* Task prompt *
Include in the output exactly the lines from the opening of the data through the line containing "#230=IFCMATERIALLAYERSET((#229),'CV-TC-FIN',$);", and nothing more.

* Exercise input *
=== Section Start ===

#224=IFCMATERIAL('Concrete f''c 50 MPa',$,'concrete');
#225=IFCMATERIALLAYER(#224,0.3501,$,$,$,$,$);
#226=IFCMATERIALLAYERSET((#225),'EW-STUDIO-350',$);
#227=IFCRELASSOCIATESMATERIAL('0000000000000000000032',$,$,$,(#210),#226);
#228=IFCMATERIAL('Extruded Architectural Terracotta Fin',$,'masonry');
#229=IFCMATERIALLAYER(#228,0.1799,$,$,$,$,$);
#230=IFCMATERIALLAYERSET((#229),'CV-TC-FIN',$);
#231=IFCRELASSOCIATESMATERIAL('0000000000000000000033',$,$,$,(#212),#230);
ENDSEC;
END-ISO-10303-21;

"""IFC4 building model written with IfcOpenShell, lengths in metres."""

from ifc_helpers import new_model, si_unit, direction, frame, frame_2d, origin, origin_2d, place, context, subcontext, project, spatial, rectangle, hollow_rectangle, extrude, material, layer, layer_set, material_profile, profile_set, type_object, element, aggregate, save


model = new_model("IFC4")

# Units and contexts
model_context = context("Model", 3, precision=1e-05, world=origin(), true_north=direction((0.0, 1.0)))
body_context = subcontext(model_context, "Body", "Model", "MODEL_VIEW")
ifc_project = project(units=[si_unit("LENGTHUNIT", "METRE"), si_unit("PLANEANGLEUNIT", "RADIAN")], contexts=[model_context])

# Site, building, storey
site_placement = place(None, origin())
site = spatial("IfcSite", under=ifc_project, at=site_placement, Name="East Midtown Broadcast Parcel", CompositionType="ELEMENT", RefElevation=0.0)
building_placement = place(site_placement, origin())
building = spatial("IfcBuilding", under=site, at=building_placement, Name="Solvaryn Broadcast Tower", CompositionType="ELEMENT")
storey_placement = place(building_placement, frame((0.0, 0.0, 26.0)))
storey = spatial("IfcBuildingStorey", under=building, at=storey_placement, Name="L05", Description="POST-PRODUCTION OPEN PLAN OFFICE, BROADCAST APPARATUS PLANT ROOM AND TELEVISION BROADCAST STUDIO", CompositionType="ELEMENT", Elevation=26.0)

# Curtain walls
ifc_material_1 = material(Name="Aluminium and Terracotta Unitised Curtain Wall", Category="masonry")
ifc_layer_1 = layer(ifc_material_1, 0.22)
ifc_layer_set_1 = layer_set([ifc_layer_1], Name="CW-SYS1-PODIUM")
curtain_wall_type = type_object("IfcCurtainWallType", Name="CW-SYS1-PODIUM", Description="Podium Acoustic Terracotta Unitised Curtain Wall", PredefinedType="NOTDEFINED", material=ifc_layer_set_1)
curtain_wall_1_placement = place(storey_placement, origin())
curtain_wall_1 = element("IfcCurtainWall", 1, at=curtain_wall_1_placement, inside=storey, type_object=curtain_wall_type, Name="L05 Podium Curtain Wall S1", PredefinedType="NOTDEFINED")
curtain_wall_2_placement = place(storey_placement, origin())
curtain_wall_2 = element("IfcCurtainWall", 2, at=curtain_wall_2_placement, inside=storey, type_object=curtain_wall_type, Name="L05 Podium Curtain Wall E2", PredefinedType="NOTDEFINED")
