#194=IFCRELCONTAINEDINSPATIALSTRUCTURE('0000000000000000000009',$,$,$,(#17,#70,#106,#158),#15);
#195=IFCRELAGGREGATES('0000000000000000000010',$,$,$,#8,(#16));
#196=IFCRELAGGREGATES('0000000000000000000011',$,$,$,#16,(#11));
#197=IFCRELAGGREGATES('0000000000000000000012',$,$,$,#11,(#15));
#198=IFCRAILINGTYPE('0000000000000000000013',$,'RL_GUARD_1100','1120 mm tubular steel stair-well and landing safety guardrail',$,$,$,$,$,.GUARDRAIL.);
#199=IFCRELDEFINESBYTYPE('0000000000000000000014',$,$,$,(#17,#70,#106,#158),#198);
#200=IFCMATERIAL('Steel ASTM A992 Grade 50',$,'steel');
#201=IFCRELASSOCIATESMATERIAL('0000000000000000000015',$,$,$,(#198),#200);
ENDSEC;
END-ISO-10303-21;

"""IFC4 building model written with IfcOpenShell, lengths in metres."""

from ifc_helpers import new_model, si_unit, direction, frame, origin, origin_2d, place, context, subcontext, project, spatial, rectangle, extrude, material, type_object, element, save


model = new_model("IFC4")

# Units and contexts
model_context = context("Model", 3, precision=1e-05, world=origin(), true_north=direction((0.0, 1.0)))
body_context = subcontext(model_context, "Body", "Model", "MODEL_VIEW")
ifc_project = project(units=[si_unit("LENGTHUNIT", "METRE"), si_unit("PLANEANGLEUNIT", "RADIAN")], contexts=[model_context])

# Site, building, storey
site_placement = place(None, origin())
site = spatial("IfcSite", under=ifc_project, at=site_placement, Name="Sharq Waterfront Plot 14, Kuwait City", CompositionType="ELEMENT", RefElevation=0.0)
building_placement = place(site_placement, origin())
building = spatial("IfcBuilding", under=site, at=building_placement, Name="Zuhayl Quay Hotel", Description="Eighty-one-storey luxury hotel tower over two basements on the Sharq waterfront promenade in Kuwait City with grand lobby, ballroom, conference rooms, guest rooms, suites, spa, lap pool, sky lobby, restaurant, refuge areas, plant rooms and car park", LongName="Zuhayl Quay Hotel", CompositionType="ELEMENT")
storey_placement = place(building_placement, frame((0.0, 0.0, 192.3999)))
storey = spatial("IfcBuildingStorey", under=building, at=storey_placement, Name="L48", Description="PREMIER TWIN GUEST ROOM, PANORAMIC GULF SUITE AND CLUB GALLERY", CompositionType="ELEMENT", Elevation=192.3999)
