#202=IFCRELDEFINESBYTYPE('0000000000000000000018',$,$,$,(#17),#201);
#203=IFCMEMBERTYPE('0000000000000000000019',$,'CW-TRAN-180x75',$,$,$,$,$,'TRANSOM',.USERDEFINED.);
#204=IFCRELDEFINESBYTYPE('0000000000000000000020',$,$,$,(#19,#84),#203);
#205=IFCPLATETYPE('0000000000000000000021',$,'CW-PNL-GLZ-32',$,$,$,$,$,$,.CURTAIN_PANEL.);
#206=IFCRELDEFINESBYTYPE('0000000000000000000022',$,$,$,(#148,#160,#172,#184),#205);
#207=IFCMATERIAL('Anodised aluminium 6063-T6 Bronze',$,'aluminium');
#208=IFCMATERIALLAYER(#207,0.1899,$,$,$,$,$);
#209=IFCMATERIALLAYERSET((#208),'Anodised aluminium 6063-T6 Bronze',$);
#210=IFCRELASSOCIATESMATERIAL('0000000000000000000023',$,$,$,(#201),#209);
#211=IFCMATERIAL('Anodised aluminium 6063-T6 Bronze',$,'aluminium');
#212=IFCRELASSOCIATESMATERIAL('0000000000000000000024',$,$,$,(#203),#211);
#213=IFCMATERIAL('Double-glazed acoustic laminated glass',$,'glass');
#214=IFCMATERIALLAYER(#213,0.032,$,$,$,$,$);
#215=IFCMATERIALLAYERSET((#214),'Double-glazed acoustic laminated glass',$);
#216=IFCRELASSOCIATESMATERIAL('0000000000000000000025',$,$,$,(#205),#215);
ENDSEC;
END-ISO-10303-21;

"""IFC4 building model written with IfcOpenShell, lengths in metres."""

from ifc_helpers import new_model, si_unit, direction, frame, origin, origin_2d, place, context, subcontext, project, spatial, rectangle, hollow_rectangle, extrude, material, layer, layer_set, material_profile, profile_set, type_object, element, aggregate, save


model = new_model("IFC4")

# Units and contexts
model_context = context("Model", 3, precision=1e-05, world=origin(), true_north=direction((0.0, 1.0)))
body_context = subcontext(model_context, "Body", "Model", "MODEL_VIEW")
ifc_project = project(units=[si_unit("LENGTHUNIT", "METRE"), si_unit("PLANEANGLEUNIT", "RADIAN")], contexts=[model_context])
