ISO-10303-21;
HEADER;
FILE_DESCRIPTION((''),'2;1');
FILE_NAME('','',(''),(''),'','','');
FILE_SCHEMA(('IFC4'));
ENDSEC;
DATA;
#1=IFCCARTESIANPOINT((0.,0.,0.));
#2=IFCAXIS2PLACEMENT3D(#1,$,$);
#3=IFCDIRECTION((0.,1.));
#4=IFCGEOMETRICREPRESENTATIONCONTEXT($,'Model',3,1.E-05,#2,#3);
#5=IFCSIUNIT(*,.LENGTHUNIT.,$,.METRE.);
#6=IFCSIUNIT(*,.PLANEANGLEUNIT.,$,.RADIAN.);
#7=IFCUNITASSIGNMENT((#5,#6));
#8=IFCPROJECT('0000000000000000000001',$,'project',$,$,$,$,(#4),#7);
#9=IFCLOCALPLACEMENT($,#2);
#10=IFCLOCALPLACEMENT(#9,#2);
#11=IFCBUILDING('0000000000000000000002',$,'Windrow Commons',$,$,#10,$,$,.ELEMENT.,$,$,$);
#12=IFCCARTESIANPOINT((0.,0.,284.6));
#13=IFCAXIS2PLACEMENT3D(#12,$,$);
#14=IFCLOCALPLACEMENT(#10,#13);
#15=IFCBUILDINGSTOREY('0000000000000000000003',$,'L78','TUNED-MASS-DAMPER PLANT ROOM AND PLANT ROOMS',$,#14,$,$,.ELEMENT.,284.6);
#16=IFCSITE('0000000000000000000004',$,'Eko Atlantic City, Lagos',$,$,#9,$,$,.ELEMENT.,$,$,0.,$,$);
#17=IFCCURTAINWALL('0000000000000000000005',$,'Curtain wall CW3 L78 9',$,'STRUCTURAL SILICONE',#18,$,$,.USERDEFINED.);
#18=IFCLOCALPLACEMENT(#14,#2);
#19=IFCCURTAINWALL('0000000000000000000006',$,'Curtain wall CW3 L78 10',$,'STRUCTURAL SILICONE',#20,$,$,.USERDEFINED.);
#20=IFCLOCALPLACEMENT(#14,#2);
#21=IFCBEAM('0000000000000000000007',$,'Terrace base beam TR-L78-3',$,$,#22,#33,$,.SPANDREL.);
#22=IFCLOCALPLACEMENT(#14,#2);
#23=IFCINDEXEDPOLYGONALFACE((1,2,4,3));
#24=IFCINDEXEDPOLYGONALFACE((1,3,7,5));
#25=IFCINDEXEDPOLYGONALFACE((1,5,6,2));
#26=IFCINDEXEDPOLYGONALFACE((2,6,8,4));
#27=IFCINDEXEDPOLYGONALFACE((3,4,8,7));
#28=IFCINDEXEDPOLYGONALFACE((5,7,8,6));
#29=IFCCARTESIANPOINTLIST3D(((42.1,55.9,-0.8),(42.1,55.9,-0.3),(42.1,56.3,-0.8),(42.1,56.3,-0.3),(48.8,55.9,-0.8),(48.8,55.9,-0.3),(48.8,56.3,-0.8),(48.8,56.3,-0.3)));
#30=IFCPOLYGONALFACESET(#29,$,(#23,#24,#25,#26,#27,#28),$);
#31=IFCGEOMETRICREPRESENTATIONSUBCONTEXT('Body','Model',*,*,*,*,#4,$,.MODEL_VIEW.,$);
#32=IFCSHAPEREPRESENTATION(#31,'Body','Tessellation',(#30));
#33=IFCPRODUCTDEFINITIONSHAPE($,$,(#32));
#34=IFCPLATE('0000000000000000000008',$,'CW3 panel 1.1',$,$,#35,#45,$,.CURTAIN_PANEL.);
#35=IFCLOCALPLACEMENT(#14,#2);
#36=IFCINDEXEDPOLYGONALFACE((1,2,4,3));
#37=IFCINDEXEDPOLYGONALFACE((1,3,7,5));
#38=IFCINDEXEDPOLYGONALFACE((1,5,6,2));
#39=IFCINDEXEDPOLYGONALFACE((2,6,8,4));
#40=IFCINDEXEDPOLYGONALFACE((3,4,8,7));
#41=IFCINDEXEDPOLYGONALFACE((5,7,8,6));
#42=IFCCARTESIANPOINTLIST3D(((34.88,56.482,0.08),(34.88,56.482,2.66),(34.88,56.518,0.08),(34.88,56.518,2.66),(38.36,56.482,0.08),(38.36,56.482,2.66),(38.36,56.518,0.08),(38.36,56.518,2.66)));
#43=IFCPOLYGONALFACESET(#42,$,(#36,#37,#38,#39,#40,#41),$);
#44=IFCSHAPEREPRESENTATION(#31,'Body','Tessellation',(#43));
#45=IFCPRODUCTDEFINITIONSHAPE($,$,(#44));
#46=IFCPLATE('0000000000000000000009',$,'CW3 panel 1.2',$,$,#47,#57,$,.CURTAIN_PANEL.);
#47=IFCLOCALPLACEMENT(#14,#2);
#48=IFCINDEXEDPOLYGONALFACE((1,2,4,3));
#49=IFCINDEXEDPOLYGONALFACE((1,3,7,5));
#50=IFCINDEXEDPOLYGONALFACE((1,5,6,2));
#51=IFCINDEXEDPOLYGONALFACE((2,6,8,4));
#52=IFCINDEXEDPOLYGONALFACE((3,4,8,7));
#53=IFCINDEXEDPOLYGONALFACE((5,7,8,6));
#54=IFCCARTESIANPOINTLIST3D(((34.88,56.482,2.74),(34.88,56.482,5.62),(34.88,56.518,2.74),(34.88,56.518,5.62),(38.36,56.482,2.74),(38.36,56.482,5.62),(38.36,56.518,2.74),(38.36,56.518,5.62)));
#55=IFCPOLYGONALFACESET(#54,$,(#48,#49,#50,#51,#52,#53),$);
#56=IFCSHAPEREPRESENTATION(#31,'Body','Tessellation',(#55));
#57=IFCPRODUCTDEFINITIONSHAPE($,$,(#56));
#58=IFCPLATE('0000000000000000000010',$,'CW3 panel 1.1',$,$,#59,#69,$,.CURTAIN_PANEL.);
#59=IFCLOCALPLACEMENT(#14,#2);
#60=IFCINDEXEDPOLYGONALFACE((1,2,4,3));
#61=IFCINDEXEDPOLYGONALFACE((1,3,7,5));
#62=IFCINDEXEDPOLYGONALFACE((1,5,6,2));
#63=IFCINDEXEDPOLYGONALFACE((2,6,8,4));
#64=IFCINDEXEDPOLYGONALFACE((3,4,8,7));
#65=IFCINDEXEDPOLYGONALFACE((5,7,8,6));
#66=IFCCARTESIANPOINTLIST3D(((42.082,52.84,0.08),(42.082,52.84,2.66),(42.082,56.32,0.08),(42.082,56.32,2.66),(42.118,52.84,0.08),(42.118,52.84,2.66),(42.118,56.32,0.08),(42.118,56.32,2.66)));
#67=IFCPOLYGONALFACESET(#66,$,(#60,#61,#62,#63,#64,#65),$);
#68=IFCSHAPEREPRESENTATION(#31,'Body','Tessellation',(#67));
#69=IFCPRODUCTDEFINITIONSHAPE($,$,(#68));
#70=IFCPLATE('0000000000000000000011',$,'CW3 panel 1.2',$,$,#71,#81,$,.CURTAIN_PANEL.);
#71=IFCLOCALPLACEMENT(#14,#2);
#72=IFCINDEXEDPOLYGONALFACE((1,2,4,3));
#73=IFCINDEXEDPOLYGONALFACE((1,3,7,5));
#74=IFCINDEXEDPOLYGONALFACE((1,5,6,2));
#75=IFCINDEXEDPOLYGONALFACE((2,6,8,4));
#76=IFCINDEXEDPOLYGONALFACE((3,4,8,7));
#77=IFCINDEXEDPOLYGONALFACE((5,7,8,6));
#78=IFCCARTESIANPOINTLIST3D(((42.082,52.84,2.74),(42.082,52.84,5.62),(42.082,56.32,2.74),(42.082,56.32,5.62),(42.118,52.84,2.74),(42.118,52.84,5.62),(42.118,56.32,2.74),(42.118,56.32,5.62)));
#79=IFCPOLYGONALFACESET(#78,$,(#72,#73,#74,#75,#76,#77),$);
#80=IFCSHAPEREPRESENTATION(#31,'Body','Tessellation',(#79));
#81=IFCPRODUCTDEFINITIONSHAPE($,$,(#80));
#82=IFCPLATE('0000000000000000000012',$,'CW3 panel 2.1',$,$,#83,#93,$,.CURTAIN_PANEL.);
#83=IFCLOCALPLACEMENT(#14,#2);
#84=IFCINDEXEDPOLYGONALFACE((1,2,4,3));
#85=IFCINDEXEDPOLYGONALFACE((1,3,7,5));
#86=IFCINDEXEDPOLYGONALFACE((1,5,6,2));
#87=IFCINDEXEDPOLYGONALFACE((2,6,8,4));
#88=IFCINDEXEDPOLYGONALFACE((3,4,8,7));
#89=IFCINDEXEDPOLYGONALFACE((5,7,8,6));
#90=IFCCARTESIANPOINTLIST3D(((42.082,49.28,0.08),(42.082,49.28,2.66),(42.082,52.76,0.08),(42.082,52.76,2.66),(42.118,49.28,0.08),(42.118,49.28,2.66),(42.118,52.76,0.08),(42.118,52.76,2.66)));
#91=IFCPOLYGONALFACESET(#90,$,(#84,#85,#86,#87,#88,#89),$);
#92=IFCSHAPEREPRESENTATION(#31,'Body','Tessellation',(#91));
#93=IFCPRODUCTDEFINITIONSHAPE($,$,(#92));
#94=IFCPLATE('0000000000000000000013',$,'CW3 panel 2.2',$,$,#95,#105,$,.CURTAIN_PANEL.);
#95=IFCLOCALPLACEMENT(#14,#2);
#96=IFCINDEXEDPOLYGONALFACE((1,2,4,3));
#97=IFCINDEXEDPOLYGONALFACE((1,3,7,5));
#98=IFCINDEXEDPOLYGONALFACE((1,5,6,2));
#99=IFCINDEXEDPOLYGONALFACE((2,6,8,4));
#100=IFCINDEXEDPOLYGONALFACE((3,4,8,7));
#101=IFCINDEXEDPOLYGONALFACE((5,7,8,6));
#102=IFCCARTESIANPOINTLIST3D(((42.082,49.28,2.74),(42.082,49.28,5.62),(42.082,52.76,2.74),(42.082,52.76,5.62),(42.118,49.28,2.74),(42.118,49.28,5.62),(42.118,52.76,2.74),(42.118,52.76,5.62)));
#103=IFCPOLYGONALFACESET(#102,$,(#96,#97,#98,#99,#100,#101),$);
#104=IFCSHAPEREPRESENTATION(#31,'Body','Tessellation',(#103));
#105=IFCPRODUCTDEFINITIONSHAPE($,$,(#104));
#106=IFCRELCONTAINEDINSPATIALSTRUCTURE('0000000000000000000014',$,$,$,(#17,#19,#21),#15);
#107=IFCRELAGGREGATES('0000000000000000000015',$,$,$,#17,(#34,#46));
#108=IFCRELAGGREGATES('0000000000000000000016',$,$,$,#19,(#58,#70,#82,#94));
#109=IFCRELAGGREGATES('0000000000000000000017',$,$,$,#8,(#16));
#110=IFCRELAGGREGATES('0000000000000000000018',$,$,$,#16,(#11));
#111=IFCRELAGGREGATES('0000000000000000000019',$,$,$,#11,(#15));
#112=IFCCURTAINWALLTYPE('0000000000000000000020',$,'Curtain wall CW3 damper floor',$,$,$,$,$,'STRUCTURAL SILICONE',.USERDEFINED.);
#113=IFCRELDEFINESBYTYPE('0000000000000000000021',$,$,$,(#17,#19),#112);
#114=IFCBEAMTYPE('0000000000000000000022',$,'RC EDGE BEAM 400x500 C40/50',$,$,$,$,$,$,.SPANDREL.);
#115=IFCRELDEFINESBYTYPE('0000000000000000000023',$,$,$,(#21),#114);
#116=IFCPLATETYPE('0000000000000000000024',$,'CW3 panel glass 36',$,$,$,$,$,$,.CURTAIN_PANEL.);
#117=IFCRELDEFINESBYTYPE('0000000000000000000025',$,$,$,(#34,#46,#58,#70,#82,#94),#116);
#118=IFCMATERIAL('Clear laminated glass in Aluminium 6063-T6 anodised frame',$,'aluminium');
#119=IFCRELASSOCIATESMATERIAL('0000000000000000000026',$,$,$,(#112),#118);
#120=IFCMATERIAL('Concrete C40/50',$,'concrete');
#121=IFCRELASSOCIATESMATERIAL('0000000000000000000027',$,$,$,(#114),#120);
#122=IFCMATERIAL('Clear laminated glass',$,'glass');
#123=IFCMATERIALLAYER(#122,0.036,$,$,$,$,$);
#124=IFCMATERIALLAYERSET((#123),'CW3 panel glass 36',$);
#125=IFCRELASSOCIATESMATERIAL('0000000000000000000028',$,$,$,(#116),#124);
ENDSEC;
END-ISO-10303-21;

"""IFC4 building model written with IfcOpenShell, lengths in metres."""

from ifc_helpers import new_model, si_unit, direction, frame, origin, origin_2d, place, context, subcontext, project, spatial, rectangle, extrude, material, layer, layer_set, material_profile, profile_set, type_object, element, aggregate, save


model = new_model("IFC4")

# Units and contexts
model_context = context("Model", 3, precision=1e-05, world=origin(), true_north=direction((0.0, 1.0)))
body_context = subcontext(model_context, "Body", "Model", "MODEL_VIEW")
ifc_project = project(units=[si_unit("LENGTHUNIT", "METRE"), si_unit("PLANEANGLEUNIT", "RADIAN")], contexts=[model_context])

# Site, building, storey
site_placement = place(None, origin())
site = spatial("IfcSite", under=ifc_project, at=site_placement, Name="Eko Atlantic City, Lagos", CompositionType="ELEMENT", RefElevation=0.0)
building_placement = place(site_placement, origin())
building = spatial("IfcBuilding", under=site, at=building_placement, Name="Windrow Commons", CompositionType="ELEMENT")
storey_placement = place(building_placement, frame((0.0, 0.0, 284.6)))
storey = spatial("IfcBuildingStorey", under=building, at=storey_placement, Name="L78", Description="TUNED-MASS-DAMPER PLANT ROOM AND PLANT ROOMS", CompositionType="ELEMENT", Elevation=284.6)

# Shared definitions
ifc_material_1 = material(Name="Clear laminated glass in Aluminium 6063-T6 anodised frame", Category="aluminium")
curtain_wall_type = type_object("IfcCurtainWallType", Name="Curtain wall CW3 damper floor", ElementType="STRUCTURAL SILICONE", PredefinedType="USERDEFINED", material=ifc_material_1)
placement = place(storey_placement, origin())

# Curtain walls
curtain_wall_1 = element("IfcCurtainWall", 1, at=placement, inside=storey, type_object=curtain_wall_type, Name="Curtain wall CW3 L78 9", ObjectType="STRUCTURAL SILICONE", PredefinedType="USERDEFINED")
curtain_wall_2 = element("IfcCurtainWall", 2, at=placement, inside=storey, type_object=curtain_wall_type, Name="Curtain wall CW3 L78 10", ObjectType="STRUCTURAL SILICONE", PredefinedType="USERDEFINED")

# Beam
ifc_material_2 = material(Name="Concrete C40/50", Category="concrete")
ifc_material_profile_1 = material_profile(ifc_material_2, rectangle(XDim=0.4, YDim=0.5, at=origin_2d()))
ifc_profile_set_1 = profile_set([ifc_material_profile_1], Name="Concrete C40/50")
beam_type = type_object("IfcBeamType", Name="RC EDGE BEAM 400x500 C40/50", PredefinedType="SPANDREL", material=ifc_profile_set_1)
beam_placement = place(storey_placement, frame((42.1, 56.1, -0.55), z_axis=(1.0, 0.0, 0.0), x_axis=(0.0, 1.0, 0.0)))
element("IfcBeam", 3, at=beam_placement, inside=storey, type_object=beam_type, Name="Terrace base beam TR-L78-3", PredefinedType="SPANDREL", context=body_context, shape_type="SweptSolid", body=[
    extrude(rectangle(XDim=0.4, YDim=0.5, at=origin_2d()), origin(), (0.0, 0.0, 1.0), 6.7),
])

# Plates
ifc_material_3 = material(Name="Clear laminated glass", Category="glass")
ifc_layer = layer(ifc_material_3, 0.036)
ifc_layer_set = layer_set([ifc_layer], Name="CW3 panel glass 36")
plate_type = type_object("IfcPlateType", Name="CW3 panel glass 36", PredefinedType="CURTAIN_PANEL", material=ifc_layer_set)
plate_1_placement = place(storey_placement, frame((36.62, 56.5, 0.08), z_axis=(0.0, 0.0, 1.0), x_axis=(1.0, 0.0, 0.0)))
plate_1 = element("IfcPlate", 4, at=plate_1_placement, type_object=plate_type, Name="CW3 panel 1.1", PredefinedType="CURTAIN_PANEL", context=body_context, shape_type="SweptSolid", body=[
    extrude(rectangle(XDim=3.48, YDim=0.036, at=origin_2d()), origin(), (0.0, 0.0, 1.0), 2.58),
])
plate_2_placement = place(storey_placement, frame((36.62, 56.5, 2.74), z_axis=(0.0, 0.0, 1.0), x_axis=(1.0, 0.0, 0.0)))
plate_2 = element("IfcPlate", 5, at=plate_2_placement, type_object=plate_type, Name="CW3 panel 1.2", PredefinedType="CURTAIN_PANEL", context=body_context, shape_type="SweptSolid", body=[
    extrude(rectangle(XDim=3.48, YDim=0.036, at=origin_2d()), origin(), (0.0, 0.0, 1.0), 2.88),
])
aggregate(curtain_wall_1, [plate_1, plate_2])
plate_3_placement = place(storey_placement, frame((42.1, 54.58, 0.08), z_axis=(0.0, 0.0, 1.0), x_axis=(0.0, -1.0, 0.0)))
plate_3 = element("IfcPlate", 6, at=plate_3_placement, type_object=plate_type, Name="CW3 panel 1.1", PredefinedType="CURTAIN_PANEL", context=body_context, shape_type="SweptSolid", body=[
    extrude(rectangle(XDim=3.48, YDim=0.036, at=origin_2d()), origin(), (0.0, 0.0, 1.0), 2.58),
])
plate_4_placement = place(storey_placement, frame((42.1, 54.58, 2.74), z_axis=(0.0, 0.0, 1.0), x_axis=(0.0, -1.0, 0.0)))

=== Section End ===

* Response for this exercise *
#224=IFCMATERIAL('Concrete f''c 50 MPa',$,'concrete');
#225=IFCMATERIALLAYER(#224,0.3501,$,$,$,$,$);
#226=IFCMATERIALLAYERSET((#225),'EW-STUDIO-350',$);
#227=IFCRELASSOCIATESMATERIAL('0000000000000000000032',$,$,$,(#210),#226);
#228=IFCMATERIAL('Extruded Architectural Terracotta Fin',$,'masonry');
#229=IFCMATERIALLAYER(#228,0.1799,$,$,$,$,$);
#230=IFCMATERIALLAYERSET((#229),'CV-TC-FIN',$);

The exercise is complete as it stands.